◆ Information supplied ◆
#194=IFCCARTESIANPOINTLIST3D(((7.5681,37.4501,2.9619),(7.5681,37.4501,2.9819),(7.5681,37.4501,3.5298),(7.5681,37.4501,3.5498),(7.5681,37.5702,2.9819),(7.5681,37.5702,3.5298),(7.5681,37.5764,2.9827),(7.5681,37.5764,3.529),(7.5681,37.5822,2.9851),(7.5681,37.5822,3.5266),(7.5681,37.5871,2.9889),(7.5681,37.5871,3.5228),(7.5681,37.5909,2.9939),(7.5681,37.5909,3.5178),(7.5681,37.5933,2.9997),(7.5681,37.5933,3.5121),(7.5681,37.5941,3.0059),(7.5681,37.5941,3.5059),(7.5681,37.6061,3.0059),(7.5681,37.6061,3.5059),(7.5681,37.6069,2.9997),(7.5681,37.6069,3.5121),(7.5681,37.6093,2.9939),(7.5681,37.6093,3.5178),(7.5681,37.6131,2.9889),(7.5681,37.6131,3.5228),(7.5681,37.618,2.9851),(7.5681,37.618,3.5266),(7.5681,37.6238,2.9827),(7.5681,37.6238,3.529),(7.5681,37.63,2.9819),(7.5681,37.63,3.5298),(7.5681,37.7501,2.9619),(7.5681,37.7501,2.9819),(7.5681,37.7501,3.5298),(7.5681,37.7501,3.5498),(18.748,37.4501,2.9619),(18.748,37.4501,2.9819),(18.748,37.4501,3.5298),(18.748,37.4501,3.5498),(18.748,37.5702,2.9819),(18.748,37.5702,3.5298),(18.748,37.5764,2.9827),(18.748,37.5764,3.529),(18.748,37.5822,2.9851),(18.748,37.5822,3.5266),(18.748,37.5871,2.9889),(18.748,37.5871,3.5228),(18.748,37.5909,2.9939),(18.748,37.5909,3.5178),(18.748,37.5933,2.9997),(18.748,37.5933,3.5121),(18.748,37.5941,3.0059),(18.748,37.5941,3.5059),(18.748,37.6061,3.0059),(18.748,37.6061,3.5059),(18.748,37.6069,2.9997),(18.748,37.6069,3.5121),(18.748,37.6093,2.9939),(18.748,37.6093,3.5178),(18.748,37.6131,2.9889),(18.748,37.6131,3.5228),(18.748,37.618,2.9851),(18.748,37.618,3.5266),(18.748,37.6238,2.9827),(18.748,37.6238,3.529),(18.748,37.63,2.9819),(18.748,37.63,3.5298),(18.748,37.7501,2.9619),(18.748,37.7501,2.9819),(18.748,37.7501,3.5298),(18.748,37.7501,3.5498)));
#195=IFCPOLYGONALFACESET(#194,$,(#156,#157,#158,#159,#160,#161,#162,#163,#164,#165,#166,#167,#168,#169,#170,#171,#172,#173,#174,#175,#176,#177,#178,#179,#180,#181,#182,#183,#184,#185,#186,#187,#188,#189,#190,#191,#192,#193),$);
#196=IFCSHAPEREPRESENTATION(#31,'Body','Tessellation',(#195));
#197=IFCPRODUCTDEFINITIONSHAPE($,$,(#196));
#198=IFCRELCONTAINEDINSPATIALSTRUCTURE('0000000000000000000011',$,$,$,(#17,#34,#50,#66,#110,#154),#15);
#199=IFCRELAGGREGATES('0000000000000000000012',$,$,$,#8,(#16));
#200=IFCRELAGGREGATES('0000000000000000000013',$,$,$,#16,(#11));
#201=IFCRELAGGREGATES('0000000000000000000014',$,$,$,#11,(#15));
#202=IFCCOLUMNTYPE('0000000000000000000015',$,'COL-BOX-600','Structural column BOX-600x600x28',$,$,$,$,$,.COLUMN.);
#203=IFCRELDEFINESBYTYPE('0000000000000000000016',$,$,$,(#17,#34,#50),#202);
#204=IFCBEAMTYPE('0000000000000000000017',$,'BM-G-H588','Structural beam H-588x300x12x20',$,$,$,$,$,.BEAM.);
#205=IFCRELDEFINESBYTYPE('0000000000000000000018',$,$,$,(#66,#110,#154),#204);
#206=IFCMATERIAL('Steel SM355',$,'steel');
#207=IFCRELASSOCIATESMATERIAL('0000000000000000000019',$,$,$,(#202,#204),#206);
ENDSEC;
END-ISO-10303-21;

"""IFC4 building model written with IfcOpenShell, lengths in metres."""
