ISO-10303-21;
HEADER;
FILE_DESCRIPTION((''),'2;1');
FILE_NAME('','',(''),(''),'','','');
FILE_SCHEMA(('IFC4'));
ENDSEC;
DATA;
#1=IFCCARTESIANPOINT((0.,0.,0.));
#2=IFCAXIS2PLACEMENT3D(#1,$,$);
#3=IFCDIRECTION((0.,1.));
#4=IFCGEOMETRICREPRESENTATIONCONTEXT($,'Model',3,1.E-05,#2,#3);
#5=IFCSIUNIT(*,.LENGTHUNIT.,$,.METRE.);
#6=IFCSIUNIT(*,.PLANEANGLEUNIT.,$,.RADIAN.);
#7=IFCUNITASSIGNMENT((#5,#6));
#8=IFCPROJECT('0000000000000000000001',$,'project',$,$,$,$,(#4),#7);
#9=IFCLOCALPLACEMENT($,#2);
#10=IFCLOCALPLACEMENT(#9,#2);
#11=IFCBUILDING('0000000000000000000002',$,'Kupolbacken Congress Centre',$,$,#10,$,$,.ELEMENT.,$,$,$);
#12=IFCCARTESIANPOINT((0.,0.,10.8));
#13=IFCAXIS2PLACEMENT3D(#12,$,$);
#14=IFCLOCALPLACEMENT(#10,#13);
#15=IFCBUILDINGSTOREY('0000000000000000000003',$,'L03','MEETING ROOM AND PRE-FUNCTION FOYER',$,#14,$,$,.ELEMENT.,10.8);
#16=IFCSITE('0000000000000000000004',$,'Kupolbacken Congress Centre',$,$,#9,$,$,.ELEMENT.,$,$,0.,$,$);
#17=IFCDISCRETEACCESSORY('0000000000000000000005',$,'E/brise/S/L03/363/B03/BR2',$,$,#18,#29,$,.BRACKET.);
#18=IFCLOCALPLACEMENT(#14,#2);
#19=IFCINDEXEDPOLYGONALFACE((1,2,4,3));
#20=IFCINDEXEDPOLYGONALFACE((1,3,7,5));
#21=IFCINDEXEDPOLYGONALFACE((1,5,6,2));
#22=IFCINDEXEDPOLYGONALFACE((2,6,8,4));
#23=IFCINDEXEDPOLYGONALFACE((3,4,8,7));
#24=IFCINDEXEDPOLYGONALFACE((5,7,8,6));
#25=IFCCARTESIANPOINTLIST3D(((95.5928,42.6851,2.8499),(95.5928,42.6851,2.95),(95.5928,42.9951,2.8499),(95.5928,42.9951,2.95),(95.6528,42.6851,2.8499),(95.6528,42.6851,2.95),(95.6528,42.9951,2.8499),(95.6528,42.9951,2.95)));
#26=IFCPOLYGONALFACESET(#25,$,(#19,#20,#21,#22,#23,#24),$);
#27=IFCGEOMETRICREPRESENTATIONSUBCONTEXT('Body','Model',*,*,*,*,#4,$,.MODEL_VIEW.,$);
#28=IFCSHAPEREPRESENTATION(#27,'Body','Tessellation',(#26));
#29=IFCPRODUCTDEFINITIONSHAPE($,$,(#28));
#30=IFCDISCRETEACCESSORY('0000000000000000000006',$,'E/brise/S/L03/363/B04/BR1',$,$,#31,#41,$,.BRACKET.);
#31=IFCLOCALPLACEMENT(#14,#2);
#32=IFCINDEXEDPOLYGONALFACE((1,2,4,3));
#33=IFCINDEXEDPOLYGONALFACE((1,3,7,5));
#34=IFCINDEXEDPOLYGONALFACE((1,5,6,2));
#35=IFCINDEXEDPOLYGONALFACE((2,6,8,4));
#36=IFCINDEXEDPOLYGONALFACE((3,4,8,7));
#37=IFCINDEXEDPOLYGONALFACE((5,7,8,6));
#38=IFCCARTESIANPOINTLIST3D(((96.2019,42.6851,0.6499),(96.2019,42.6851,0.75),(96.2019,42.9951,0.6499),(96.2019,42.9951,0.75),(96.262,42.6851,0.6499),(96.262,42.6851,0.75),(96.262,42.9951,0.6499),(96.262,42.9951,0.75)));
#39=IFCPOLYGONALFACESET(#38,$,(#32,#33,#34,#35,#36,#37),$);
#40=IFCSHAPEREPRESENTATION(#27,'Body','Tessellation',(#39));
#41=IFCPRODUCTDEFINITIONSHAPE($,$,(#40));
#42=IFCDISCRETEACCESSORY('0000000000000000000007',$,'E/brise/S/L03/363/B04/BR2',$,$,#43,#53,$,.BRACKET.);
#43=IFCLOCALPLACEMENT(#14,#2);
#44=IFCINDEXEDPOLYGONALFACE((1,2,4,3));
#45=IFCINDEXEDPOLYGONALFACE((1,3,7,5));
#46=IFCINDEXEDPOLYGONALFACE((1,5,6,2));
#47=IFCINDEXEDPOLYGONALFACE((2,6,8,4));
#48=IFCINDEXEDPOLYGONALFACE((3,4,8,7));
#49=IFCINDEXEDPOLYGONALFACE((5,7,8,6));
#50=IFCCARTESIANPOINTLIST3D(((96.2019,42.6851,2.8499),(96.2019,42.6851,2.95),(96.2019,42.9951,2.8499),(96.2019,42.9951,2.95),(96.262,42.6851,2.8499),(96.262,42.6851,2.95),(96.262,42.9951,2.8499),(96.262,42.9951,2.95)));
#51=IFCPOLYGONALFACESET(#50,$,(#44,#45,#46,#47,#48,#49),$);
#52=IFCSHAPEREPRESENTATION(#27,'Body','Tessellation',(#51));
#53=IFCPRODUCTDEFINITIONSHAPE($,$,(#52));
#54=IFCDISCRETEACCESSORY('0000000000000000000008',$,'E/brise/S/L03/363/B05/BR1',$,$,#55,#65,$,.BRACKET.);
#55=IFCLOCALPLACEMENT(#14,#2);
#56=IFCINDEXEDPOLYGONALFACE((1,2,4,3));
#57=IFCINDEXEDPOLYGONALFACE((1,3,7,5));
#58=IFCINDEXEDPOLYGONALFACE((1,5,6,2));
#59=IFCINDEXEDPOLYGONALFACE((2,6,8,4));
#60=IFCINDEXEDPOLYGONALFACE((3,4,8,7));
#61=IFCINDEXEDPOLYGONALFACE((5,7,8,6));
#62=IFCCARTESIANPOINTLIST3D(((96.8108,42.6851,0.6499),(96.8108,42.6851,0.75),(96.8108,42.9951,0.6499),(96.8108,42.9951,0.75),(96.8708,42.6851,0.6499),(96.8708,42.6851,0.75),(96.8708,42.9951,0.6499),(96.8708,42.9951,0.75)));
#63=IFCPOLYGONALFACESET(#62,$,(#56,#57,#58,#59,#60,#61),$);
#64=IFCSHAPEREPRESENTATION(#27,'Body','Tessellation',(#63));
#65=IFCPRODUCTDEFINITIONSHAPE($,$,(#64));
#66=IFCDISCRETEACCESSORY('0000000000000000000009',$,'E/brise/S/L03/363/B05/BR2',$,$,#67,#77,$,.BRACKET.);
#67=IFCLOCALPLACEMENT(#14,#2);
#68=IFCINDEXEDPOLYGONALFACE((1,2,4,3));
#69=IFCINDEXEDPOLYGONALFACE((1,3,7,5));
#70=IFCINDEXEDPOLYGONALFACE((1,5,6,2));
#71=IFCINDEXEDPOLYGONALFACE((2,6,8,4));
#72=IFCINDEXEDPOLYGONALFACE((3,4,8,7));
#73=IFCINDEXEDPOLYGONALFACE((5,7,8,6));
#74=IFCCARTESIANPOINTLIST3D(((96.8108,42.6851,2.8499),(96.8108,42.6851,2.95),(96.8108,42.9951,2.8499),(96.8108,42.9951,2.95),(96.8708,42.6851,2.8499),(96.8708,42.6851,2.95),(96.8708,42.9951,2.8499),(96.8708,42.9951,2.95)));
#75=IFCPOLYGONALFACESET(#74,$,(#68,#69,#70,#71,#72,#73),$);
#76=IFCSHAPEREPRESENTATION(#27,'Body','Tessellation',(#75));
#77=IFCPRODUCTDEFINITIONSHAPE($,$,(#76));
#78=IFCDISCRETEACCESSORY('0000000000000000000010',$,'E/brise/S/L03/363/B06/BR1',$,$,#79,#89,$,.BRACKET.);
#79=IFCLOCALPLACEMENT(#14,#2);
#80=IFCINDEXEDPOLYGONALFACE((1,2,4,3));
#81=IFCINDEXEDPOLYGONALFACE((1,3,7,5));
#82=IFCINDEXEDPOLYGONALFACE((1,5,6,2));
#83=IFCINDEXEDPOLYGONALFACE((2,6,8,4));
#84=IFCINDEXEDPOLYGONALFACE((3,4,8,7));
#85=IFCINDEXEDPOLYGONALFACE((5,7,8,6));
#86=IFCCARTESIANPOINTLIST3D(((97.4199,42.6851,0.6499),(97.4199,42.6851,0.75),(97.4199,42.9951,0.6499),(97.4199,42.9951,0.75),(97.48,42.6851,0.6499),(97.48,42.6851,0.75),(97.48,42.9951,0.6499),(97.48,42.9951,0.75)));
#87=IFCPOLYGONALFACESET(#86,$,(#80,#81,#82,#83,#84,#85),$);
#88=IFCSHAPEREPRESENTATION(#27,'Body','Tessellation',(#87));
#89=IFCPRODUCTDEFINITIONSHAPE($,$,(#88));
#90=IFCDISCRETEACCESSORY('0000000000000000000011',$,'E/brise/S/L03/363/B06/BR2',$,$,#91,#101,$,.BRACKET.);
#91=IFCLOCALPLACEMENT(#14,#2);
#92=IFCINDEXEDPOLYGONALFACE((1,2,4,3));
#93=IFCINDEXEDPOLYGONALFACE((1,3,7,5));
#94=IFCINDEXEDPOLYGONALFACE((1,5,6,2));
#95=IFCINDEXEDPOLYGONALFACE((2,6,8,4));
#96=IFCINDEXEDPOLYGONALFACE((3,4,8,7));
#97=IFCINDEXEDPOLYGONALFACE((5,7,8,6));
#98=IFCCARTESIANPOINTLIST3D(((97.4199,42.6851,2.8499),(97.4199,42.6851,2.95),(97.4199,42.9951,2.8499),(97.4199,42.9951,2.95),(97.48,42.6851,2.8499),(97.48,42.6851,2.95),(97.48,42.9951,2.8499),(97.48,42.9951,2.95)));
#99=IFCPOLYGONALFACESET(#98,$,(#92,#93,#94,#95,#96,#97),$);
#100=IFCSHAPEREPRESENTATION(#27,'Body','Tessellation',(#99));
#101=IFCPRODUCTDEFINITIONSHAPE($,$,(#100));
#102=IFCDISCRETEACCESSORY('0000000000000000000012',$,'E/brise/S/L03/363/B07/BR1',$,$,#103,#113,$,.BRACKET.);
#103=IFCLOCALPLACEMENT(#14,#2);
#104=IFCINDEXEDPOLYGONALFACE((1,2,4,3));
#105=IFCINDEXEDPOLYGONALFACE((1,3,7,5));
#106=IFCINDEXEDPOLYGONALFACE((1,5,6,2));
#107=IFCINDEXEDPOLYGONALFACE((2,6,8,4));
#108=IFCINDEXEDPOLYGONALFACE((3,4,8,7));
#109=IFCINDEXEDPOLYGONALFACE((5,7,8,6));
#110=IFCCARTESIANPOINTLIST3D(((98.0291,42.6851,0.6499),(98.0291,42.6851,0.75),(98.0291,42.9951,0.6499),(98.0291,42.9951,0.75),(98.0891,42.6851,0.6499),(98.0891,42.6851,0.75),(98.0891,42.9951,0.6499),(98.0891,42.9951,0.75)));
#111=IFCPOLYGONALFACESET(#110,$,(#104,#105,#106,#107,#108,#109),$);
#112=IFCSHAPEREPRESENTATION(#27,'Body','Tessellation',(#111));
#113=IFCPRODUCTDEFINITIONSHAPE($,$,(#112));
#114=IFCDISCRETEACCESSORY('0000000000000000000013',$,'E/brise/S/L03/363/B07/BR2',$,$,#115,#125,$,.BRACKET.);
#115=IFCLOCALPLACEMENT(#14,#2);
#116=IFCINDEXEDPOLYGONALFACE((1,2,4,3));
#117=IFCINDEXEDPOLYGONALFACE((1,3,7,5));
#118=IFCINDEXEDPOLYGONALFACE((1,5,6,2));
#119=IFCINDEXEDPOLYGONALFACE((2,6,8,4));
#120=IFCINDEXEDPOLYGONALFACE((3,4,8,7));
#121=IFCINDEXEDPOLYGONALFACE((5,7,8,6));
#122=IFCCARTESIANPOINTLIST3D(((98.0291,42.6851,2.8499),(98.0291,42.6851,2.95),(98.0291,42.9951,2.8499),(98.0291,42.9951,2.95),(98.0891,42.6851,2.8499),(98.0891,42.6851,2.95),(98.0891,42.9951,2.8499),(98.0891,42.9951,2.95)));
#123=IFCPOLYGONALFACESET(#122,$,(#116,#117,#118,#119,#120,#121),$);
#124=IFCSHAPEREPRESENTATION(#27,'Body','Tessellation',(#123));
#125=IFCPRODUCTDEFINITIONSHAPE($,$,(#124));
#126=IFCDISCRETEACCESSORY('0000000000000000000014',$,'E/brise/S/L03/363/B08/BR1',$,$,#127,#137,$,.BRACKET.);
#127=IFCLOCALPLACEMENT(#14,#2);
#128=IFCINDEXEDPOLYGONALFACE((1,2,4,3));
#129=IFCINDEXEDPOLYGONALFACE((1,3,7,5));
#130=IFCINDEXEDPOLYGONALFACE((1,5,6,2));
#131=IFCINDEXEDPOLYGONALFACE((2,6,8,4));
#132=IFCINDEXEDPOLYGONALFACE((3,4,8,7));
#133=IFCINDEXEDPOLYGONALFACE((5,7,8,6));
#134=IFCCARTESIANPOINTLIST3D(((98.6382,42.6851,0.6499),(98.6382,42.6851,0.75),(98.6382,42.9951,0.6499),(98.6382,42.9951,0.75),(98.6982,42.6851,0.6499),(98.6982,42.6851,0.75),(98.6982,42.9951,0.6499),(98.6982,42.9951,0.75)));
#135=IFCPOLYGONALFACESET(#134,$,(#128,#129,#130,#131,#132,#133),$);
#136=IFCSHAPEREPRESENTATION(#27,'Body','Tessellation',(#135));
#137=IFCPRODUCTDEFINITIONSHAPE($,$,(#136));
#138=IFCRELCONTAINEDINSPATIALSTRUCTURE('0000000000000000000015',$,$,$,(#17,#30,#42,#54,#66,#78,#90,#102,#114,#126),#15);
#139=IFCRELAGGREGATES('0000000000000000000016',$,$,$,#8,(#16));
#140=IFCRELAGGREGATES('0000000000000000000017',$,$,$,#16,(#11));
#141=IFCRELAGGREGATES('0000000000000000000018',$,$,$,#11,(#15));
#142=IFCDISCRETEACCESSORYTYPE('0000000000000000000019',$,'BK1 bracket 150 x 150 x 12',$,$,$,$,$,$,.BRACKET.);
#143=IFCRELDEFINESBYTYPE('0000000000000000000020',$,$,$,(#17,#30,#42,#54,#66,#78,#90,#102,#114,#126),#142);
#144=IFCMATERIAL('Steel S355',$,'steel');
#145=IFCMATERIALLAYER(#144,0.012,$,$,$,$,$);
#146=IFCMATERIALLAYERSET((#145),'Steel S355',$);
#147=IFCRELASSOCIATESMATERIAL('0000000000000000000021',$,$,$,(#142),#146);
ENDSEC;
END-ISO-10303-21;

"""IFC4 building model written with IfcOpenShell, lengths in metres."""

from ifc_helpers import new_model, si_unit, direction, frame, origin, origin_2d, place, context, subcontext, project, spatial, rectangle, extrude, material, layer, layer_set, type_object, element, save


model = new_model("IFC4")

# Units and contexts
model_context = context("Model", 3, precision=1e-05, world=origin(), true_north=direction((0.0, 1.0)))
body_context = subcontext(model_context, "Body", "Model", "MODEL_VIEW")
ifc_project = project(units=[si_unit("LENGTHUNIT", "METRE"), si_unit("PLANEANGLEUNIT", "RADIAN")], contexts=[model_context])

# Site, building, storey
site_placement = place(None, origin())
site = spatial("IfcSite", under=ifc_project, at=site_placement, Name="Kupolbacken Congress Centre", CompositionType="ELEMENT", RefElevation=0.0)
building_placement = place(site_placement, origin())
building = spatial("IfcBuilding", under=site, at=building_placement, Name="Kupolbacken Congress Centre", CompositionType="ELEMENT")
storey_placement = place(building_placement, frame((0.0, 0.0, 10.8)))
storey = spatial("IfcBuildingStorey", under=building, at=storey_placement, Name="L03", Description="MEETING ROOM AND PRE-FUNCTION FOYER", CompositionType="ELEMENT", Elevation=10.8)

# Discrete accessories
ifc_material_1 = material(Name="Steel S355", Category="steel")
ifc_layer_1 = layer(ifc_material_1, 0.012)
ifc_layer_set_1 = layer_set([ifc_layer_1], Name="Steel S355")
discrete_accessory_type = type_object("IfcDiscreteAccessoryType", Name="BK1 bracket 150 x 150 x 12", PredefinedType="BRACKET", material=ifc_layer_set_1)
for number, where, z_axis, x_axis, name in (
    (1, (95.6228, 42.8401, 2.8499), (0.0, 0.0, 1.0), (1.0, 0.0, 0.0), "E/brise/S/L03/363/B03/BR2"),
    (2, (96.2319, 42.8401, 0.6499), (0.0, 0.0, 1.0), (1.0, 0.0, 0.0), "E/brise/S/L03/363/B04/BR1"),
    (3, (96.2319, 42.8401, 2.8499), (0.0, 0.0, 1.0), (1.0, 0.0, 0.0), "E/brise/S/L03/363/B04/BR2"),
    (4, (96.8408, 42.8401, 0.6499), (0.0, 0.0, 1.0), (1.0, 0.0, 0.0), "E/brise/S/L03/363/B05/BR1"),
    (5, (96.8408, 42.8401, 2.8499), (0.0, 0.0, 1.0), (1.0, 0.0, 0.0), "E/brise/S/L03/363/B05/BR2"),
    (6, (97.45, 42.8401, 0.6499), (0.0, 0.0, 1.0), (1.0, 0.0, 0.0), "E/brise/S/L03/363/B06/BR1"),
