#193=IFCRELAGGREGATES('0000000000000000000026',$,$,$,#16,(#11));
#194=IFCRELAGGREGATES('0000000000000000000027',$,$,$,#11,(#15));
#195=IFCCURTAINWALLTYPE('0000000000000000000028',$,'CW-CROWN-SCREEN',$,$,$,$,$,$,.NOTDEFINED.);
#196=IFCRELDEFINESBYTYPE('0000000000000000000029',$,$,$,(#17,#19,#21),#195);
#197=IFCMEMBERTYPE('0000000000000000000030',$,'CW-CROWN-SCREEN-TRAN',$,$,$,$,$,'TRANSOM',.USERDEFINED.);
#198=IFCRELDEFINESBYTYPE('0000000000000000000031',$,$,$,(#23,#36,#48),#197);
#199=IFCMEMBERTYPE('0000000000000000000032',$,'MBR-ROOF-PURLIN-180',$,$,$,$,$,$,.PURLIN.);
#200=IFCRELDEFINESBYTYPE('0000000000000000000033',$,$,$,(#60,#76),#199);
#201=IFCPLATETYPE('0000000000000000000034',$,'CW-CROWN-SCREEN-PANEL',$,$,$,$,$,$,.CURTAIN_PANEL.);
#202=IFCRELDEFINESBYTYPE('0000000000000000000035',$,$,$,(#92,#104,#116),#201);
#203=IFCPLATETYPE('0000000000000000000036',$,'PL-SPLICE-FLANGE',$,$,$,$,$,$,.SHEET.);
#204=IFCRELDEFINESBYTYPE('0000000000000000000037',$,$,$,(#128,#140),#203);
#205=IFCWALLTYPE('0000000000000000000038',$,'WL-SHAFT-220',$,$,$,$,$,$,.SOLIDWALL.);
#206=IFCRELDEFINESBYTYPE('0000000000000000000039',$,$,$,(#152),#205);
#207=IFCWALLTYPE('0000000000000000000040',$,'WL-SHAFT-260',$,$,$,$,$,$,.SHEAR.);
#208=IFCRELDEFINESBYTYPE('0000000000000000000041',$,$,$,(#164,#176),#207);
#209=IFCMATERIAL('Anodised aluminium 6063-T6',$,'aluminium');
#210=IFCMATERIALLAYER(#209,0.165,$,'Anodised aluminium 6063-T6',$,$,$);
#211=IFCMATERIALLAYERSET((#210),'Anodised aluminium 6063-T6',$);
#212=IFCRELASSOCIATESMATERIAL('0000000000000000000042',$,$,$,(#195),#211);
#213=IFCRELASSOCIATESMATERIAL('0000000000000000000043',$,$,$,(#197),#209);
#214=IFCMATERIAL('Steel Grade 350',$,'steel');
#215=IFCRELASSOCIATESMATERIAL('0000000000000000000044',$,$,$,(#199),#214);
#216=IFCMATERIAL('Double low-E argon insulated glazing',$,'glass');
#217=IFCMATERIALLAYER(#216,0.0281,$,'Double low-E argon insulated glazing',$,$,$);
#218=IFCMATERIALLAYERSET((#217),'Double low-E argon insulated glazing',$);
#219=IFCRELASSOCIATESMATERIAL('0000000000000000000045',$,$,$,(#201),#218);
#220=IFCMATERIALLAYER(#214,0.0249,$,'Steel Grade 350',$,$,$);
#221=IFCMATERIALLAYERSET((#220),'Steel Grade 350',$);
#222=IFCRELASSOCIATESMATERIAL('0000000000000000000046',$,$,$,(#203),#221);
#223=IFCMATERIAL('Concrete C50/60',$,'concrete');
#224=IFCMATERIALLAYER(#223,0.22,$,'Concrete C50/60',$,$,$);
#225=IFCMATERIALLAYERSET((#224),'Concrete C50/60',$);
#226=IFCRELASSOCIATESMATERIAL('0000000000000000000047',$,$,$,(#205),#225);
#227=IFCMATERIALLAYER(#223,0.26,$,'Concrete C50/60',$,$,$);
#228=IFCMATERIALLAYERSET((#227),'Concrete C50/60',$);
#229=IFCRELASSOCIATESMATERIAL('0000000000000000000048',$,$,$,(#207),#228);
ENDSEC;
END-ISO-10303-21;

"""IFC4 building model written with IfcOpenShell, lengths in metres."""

◆ Activity ◆
Copy out, exactly and alone, the lines of the entries above between the ones holding "#118=IFCINDEXEDPOLYGONALFACE((1,5,6,2));" and "#141=IFCRELAGGREGATES('0000000000000000000018',$,$,$,#11,(#15));", inclusive.

◆ Result below ◆
#118=IFCINDEXEDPOLYGONALFACE((1,5,6,2));
#119=IFCINDEXEDPOLYGONALFACE((2,6,8,4));
#120=IFCINDEXEDPOLYGONALFACE((3,4,8,7));
#121=IFCINDEXEDPOLYGONALFACE((5,7,8,6));
#122=IFCCARTESIANPOINTLIST3D(((98.0291,42.6851,2.8499),(98.0291,42.6851,2.95),(98.0291,42.9951,2.8499),(98.0291,42.9951,2.95),(98.0891,42.6851,2.8499),(98.0891,42.6851,2.95),(98.0891,42.9951,2.8499),(98.0891,42.9951,2.95)));
#123=IFCPOLYGONALFACESET(#122,$,(#116,#117,#118,#119,#120,#121),$);
#124=IFCSHAPEREPRESENTATION(#27,'Body','Tessellation',(#123));
#125=IFCPRODUCTDEFINITIONSHAPE($,$,(#124));
#126=IFCDISCRETEACCESSORY('0000000000000000000014',$,'E/brise/S/L03/363/B08/BR1',$,$,#127,#137,$,.BRACKET.);
#127=IFCLOCALPLACEMENT(#14,#2);
#128=IFCINDEXEDPOLYGONALFACE((1,2,4,3));
#129=IFCINDEXEDPOLYGONALFACE((1,3,7,5));
#130=IFCINDEXEDPOLYGONALFACE((1,5,6,2));
#131=IFCINDEXEDPOLYGONALFACE((2,6,8,4));
#132=IFCINDEXEDPOLYGONALFACE((3,4,8,7));
#133=IFCINDEXEDPOLYGONALFACE((5,7,8,6));
#134=IFCCARTESIANPOINTLIST3D(((98.6382,42.6851,0.6499),(98.6382,42.6851,0.75),(98.6382,42.9951,0.6499),(98.6382,42.9951,0.75),(98.6982,42.6851,0.6499),(98.6982,42.6851,0.75),(98.6982,42.9951,0.6499),(98.6982,42.9951,0.75)));
#135=IFCPOLYGONALFACESET(#134,$,(#128,#129,#130,#131,#132,#133),$);
#136=IFCSHAPEREPRESENTATION(#27,'Body','Tessellation',(#135));
#137=IFCPRODUCTDEFINITIONSHAPE($,$,(#136));
#138=IFCRELCONTAINEDINSPATIALSTRUCTURE('0000000000000000000015',$,$,$,(#17,#30,#42,#54,#66,#78,#90,#102,#114,#126),#15);
#139=IFCRELAGGREGATES('0000000000000000000016',$,$,$,#8,(#16));
#140=IFCRELAGGREGATES('0000000000000000000017',$,$,$,#16,(#11));
#141=IFCRELAGGREGATES('0000000000000000000018',$,$,$,#11,(#15));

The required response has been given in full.